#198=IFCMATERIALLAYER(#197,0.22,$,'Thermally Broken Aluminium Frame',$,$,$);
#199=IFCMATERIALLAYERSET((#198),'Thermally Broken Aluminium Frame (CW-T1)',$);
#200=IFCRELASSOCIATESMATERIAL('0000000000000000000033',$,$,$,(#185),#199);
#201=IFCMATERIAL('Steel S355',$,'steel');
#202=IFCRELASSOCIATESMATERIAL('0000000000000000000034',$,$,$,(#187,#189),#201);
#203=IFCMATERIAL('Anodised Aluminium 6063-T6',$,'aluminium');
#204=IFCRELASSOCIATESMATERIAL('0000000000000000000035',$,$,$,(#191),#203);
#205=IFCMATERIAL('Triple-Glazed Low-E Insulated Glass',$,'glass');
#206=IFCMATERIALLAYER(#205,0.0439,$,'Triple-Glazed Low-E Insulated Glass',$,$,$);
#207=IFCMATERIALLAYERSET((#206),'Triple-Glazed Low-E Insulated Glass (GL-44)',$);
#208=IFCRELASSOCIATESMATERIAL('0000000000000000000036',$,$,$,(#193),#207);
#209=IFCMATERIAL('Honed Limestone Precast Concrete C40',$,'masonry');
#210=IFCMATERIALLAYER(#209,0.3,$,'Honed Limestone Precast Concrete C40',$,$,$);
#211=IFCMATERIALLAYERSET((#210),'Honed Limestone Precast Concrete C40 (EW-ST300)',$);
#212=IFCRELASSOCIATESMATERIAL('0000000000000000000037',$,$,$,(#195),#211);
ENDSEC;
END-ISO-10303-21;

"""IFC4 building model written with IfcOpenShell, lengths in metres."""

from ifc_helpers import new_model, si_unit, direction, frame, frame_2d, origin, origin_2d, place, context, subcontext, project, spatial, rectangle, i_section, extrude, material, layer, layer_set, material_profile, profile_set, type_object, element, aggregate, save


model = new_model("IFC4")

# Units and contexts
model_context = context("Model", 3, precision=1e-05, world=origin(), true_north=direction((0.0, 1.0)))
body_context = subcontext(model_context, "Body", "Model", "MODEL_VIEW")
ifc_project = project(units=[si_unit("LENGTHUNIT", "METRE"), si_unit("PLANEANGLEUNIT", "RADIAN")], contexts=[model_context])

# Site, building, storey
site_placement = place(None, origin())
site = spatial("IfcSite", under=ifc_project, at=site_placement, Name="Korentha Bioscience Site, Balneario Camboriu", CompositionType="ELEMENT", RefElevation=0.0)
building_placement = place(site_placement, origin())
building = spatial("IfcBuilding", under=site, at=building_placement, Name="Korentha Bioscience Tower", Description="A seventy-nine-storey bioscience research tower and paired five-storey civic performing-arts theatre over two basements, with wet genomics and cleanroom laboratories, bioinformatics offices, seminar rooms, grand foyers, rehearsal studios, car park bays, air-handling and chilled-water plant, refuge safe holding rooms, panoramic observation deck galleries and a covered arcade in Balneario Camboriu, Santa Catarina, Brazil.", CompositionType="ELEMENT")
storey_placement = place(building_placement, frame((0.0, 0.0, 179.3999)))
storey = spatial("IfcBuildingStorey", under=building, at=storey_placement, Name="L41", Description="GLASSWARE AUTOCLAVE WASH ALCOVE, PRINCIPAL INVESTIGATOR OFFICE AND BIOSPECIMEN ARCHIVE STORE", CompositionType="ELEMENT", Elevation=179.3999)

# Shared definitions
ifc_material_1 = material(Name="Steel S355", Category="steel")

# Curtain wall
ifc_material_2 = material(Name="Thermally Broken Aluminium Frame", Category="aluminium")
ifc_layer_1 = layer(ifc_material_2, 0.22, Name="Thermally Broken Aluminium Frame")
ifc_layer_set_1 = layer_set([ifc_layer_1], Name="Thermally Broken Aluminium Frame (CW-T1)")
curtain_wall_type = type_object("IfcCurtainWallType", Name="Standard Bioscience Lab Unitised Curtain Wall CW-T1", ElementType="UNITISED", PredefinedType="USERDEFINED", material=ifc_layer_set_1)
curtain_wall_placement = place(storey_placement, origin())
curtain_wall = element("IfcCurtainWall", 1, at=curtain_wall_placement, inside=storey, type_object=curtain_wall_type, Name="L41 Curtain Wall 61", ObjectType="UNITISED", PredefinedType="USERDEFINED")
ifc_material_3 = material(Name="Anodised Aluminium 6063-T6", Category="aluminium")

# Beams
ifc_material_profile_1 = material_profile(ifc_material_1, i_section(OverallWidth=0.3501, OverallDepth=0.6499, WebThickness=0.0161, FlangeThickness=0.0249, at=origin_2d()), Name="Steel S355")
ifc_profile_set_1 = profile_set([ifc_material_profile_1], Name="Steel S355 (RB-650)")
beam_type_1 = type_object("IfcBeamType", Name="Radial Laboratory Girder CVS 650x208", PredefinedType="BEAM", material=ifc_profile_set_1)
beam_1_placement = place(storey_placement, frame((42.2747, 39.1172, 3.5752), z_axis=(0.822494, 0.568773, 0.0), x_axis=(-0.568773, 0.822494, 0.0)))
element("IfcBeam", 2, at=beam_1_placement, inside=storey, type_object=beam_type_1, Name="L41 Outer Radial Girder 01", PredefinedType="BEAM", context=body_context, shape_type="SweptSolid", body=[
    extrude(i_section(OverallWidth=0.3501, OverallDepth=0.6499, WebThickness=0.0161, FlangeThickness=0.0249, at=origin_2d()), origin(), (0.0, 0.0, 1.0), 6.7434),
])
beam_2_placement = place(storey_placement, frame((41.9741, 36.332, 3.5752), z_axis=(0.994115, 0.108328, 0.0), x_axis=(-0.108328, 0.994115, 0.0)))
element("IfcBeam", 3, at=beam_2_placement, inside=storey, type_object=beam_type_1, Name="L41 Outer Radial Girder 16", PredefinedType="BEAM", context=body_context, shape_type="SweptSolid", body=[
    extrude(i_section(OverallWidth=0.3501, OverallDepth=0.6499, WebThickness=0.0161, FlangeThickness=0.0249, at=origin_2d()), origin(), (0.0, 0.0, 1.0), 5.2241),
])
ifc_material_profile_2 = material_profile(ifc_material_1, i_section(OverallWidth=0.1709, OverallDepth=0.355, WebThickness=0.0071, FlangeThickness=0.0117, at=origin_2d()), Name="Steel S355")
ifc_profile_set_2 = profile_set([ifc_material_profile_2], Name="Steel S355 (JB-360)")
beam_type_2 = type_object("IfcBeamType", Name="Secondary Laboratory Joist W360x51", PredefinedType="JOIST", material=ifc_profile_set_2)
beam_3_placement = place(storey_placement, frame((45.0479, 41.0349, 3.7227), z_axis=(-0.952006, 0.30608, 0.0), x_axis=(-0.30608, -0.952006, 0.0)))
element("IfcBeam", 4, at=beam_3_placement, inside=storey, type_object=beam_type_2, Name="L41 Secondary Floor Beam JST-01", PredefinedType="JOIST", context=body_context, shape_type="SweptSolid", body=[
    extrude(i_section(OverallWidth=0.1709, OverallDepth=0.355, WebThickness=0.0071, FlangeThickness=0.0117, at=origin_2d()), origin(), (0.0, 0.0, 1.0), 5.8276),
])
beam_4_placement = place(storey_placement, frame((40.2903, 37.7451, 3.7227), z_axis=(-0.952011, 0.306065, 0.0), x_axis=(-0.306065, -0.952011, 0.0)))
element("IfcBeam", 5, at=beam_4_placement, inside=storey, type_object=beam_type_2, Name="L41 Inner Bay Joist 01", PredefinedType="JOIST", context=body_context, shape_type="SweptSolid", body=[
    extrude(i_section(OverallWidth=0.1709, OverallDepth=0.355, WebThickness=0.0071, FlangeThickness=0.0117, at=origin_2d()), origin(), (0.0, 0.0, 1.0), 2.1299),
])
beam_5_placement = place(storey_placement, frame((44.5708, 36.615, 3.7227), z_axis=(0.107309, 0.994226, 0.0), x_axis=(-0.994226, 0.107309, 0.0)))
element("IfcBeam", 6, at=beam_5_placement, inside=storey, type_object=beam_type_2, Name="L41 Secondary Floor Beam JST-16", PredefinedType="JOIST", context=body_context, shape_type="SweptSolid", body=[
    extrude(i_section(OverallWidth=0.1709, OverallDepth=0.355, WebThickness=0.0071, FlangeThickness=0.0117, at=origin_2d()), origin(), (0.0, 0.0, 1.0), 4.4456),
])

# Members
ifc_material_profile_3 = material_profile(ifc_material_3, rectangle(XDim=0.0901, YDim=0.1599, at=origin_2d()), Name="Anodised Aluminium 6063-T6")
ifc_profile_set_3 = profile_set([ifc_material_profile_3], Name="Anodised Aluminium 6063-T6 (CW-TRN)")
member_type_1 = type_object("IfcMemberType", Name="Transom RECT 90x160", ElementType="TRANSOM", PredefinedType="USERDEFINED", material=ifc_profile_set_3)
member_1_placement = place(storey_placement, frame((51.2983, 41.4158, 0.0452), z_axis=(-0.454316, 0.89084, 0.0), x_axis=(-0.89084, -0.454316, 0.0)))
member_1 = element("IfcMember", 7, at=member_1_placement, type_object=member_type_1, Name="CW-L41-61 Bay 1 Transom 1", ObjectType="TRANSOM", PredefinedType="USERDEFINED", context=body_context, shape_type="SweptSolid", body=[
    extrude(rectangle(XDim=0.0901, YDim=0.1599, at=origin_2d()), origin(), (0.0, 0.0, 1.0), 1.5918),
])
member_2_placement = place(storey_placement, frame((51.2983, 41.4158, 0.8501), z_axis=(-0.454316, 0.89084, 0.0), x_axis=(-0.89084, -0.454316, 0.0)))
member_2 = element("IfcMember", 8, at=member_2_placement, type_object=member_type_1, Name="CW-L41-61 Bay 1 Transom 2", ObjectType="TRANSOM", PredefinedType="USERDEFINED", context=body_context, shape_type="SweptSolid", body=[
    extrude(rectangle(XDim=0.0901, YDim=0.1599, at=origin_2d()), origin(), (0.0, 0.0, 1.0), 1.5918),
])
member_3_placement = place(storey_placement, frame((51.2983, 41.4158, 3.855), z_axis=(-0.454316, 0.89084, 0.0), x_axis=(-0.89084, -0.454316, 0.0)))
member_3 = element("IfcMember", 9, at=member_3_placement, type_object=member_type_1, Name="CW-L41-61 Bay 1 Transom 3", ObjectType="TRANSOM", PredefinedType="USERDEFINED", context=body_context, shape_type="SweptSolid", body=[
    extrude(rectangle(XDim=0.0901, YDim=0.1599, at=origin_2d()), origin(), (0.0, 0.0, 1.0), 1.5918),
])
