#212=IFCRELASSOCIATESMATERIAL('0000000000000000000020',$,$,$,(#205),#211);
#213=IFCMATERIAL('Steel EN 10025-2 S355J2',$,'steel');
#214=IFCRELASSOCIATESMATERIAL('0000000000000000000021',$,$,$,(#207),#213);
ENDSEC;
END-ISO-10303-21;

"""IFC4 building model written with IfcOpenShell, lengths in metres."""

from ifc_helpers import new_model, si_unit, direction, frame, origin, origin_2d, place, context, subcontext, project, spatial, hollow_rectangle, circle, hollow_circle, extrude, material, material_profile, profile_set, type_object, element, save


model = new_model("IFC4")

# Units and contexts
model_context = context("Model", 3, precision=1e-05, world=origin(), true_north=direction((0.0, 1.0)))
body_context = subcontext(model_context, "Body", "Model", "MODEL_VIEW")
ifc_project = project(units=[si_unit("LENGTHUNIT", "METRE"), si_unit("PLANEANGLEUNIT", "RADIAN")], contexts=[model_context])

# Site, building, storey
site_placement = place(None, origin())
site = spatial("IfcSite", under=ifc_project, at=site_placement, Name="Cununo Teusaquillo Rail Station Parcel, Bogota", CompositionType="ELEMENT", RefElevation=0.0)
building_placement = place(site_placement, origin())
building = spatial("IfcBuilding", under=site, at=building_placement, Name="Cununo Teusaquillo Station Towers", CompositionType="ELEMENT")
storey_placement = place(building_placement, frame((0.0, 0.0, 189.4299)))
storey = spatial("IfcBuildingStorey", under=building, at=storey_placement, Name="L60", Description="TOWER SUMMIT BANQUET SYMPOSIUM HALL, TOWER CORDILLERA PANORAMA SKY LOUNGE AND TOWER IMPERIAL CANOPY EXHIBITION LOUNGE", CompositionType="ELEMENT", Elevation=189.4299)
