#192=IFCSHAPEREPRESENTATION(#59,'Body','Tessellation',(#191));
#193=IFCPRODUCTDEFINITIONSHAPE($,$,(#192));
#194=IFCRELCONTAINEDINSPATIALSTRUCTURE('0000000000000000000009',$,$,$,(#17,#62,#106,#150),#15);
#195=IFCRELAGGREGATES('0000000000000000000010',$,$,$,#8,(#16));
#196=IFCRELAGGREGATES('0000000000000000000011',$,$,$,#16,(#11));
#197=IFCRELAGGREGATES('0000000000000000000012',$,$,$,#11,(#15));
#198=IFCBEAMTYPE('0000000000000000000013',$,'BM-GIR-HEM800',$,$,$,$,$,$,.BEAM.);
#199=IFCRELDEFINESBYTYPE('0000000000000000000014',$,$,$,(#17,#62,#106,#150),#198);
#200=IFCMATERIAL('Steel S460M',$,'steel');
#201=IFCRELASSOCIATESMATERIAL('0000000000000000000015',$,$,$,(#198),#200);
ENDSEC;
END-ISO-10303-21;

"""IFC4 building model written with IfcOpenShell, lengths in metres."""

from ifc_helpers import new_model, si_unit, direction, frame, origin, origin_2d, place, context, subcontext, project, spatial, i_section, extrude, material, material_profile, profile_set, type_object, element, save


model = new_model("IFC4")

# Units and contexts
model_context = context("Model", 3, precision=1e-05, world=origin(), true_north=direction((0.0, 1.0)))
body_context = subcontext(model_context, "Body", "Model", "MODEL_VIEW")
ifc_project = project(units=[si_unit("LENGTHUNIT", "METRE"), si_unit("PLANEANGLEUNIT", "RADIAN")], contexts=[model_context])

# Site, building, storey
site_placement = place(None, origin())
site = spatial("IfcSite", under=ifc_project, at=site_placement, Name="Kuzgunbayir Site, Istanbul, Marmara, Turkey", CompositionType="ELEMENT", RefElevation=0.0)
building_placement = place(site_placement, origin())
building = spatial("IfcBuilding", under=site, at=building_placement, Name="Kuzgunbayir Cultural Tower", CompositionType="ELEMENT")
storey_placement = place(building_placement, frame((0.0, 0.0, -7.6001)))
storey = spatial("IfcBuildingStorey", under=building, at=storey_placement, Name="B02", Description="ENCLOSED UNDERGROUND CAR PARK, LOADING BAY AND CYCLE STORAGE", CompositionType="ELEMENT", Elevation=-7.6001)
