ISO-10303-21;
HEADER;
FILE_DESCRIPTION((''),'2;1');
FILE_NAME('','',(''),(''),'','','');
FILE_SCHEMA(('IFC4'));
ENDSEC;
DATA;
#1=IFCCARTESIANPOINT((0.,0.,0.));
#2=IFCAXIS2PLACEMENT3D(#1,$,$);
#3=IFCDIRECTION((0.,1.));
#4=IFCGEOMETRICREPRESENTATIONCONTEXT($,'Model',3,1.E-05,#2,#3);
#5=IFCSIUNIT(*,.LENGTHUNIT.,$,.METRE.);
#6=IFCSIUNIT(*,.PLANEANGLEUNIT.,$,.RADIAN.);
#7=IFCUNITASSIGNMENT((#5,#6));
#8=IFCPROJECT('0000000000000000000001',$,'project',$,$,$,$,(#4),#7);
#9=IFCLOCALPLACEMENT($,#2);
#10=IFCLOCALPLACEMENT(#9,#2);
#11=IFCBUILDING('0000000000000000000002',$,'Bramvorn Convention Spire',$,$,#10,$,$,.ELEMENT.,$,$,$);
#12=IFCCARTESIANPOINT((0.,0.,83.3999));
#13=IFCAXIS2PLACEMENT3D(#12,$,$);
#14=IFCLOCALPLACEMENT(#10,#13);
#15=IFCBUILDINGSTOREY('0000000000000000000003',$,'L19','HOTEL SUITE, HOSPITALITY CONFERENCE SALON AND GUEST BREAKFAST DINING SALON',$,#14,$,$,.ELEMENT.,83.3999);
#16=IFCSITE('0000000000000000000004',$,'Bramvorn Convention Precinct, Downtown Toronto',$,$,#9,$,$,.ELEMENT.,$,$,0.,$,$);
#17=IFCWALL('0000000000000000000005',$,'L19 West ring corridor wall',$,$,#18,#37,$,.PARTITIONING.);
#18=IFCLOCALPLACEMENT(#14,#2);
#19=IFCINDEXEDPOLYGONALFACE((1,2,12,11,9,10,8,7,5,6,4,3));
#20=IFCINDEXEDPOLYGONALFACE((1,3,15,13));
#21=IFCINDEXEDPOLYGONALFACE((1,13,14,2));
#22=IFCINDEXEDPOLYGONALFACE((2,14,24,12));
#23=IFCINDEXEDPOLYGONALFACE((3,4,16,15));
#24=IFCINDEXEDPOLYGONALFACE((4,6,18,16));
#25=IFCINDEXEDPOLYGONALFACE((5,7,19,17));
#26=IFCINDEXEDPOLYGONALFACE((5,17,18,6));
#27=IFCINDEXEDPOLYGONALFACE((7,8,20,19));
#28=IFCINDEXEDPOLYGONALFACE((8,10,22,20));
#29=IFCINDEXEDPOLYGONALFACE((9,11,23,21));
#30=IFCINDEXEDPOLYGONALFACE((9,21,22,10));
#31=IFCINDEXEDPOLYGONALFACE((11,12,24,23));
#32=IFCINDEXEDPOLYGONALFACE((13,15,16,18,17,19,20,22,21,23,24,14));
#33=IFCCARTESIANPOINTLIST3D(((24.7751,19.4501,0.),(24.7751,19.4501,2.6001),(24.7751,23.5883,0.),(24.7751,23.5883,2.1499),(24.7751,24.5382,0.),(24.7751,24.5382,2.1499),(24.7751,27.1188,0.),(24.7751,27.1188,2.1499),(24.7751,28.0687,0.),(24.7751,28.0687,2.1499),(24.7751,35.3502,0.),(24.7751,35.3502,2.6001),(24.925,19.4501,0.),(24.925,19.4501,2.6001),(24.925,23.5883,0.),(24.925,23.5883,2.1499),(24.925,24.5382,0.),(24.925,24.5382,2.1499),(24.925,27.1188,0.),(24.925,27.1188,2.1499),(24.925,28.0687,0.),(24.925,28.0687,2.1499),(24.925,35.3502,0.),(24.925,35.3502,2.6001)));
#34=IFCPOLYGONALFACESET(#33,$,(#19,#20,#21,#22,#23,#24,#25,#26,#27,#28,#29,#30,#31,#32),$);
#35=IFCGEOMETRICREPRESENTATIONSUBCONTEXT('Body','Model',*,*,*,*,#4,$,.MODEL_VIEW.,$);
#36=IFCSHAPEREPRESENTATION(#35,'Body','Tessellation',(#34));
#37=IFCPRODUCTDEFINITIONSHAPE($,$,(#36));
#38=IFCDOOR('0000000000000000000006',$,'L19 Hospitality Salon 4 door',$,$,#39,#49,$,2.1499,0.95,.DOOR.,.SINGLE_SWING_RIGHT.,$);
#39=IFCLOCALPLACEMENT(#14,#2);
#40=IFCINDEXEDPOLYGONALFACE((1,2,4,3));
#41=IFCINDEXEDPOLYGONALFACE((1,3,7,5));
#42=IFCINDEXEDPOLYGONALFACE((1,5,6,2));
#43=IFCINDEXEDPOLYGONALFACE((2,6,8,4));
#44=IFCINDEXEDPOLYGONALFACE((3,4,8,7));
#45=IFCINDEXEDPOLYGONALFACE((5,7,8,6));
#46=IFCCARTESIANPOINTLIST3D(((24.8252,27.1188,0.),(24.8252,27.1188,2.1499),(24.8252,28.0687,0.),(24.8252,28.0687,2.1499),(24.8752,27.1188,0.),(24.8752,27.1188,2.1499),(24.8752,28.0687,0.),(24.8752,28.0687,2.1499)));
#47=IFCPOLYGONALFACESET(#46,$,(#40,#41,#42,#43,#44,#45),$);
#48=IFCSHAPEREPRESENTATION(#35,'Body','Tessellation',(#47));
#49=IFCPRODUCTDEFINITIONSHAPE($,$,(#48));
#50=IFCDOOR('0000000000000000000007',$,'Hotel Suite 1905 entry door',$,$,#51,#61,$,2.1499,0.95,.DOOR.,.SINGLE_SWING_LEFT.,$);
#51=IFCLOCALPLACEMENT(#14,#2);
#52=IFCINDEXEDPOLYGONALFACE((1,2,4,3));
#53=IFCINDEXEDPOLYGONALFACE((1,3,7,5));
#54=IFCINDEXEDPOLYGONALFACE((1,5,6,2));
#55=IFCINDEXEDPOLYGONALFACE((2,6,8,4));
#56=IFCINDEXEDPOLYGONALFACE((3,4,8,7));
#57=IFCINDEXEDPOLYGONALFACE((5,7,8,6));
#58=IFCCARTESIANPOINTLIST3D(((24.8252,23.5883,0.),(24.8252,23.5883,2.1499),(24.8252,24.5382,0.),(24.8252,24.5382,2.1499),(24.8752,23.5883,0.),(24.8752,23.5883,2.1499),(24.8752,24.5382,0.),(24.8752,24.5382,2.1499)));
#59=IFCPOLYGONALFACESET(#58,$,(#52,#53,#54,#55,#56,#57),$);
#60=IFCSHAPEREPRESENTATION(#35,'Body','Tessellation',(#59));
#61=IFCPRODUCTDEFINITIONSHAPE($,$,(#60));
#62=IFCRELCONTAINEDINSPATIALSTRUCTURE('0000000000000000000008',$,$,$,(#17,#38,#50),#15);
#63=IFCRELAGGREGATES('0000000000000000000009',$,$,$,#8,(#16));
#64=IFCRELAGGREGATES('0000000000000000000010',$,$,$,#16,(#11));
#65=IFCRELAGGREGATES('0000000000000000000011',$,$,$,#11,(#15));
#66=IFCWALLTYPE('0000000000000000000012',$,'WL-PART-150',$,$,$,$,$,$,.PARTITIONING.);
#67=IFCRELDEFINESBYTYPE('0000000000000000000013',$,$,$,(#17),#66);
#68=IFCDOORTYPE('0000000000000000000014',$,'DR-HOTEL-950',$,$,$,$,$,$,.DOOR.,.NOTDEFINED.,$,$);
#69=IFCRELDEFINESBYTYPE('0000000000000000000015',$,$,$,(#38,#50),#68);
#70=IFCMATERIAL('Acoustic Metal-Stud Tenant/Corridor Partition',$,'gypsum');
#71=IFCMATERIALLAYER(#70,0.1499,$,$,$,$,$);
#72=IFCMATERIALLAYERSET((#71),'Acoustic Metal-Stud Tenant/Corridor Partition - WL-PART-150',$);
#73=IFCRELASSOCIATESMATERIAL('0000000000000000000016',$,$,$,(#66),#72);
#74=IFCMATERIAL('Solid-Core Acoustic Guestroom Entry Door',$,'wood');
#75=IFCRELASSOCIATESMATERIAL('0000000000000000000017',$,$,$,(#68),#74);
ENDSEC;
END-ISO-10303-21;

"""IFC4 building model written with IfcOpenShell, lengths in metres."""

from ifc_helpers import new_model, si_unit, direction, frame, frame_2d, origin, place, context, subcontext, project, spatial, rectangle, extrude, material, layer, layer_set, type_object, element, fill, save


model = new_model("IFC4")

# Units and contexts
model_context = context("Model", 3, precision=1e-05, world=origin(), true_north=direction((0.0, 1.0)))
body_context = subcontext(model_context, "Body", "Model", "MODEL_VIEW")
ifc_project = project(units=[si_unit("LENGTHUNIT", "METRE"), si_unit("PLANEANGLEUNIT", "RADIAN")], contexts=[model_context])

# Site, building, storey
site_placement = place(None, origin())
site = spatial("IfcSite", under=ifc_project, at=site_placement, Name="Bramvorn Convention Precinct, Downtown Toronto", CompositionType="ELEMENT", RefElevation=0.0)
building_placement = place(site_placement, origin())
building = spatial("IfcBuilding", under=site, at=building_placement, Name="Bramvorn Convention Spire", CompositionType="ELEMENT")
storey_placement = place(building_placement, frame((0.0, 0.0, 83.3999)))
storey = spatial("IfcBuildingStorey", under=building, at=storey_placement, Name="L19", Description="HOTEL SUITE, HOSPITALITY CONFERENCE SALON AND GUEST BREAKFAST DINING SALON", CompositionType="ELEMENT", Elevation=83.3999)

# Wall, openings, doors
ifc_material_1 = material(Name="Acoustic Metal-Stud Tenant/Corridor Partition", Category="gypsum")
ifc_layer_1 = layer(ifc_material_1, 0.1499)
ifc_layer_set_1 = layer_set([ifc_layer_1], Name="Acoustic Metal-Stud Tenant/Corridor Partition - WL-PART-150")
wall_type_1 = type_object("IfcWallType", Name="WL-PART-150", PredefinedType="PARTITIONING", material=ifc_layer_set_1)
ifc_material_2 = material(Name="Solid-Core Acoustic Guestroom Entry Door", Category="wood")
door_type_1 = type_object("IfcDoorType", Name="DR-HOTEL-950", OperationType="NOTDEFINED", PredefinedType="DOOR", material=ifc_material_2)
wall_1_placement = place(storey_placement, frame((24.8501, 19.45, 0.0), z_axis=(0.0, 0.0, 1.0), x_axis=(0.0, 1.0, 0.0)))
wall_1 = element("IfcWall", 1, at=wall_1_placement, inside=storey, type_object=wall_type_1, Name="L19 West ring corridor wall", PredefinedType="PARTITIONING", context=body_context, shape_type="SweptSolid", body=[
    extrude(rectangle(XDim=15.9001, YDim=0.1499, at=frame_2d((7.9502, 0.0))), origin(), (0.0, 0.0, 1.0), 2.6001),
])
opening_1_placement = place(wall_1_placement, frame((7.6687, 0.0, 0.0)))
opening_1 = element("IfcOpeningElement", 2, at=opening_1_placement, cuts=wall_1, PredefinedType="OPENING", context=body_context, shape_type="SweptSolid", body=[
    extrude(rectangle(XDim=0.95, YDim=2.1499, at=frame_2d((0.4751, 1.075))), frame((0.0, 0.085, 0.0), z_axis=(0.0, -1.0, 0.0), x_axis=(1.0, 0.0, 0.0)), (0.0, 0.0, 1.0), 0.1699),
])
opening_2_placement = place(wall_1_placement, frame((4.1382, 0.0, 0.0)))
opening_2 = element("IfcOpeningElement", 3, at=opening_2_placement, cuts=wall_1, PredefinedType="OPENING", context=body_context, shape_type="SweptSolid", body=[
    extrude(rectangle(XDim=0.95, YDim=2.1499, at=frame_2d((0.4751, 1.075))), frame((0.0, 0.085, 0.0), z_axis=(0.0, -1.0, 0.0), x_axis=(1.0, 0.0, 0.0)), (0.0, 0.0, 1.0), 0.1699),
])
door_1_placement = place(opening_1_placement, origin())
door_1 = element("IfcDoor", 4, at=door_1_placement, inside=storey, type_object=door_type_1, Name="L19 Hospitality Salon 4 door", OperationType="SINGLE_SWING_RIGHT", OverallHeight=2.1499, OverallWidth=0.95, PredefinedType="DOOR", context=body_context, shape_type="SweptSolid", body=[
    extrude(rectangle(XDim=0.95, YDim=2.1499, at=frame_2d((0.4751, 1.075))), frame((0.0, 0.0249, 0.0), z_axis=(0.0, -1.0, 0.0), x_axis=(1.0, 0.0, 0.0)), (0.0, 0.0, 1.0), 0.05),
])
fill(opening_1, door_1)
door_2_placement = place(opening_2_placement, origin())
door_2 = element("IfcDoor", 5, at=door_2_placement, inside=storey, type_object=door_type_1, Name="Hotel Suite 1905 entry door", OperationType="SINGLE_SWING_LEFT", OverallHeight=2.1499, OverallWidth=0.95, PredefinedType="DOOR", context=body_context, shape_type="SweptSolid", body=[
    extrude(rectangle(XDim=0.95, YDim=2.1499, at=frame_2d((0.4751, 1.075))), frame((0.0, 0.0249, 0.0), z_axis=(0.0, -1.0, 0.0), x_axis=(1.0, 0.0, 0.0)), (0.0, 0.0, 1.0), 0.05),
])
fill(opening_2, door_2)

save(model, "model.ifc")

*Your goal:*
Please copy every line of the records above in which "IFCPRODUCTDEFINITIONSHAPE" appears.

*Your response:*
#193=IFCPRODUCTDEFINITIONSHAPE($,$,(#192));
#37=IFCPRODUCTDEFINITIONSHAPE($,$,(#36));
#49=IFCPRODUCTDEFINITIONSHAPE($,$,(#48));
#61=IFCPRODUCTDEFINITIONSHAPE($,$,(#60));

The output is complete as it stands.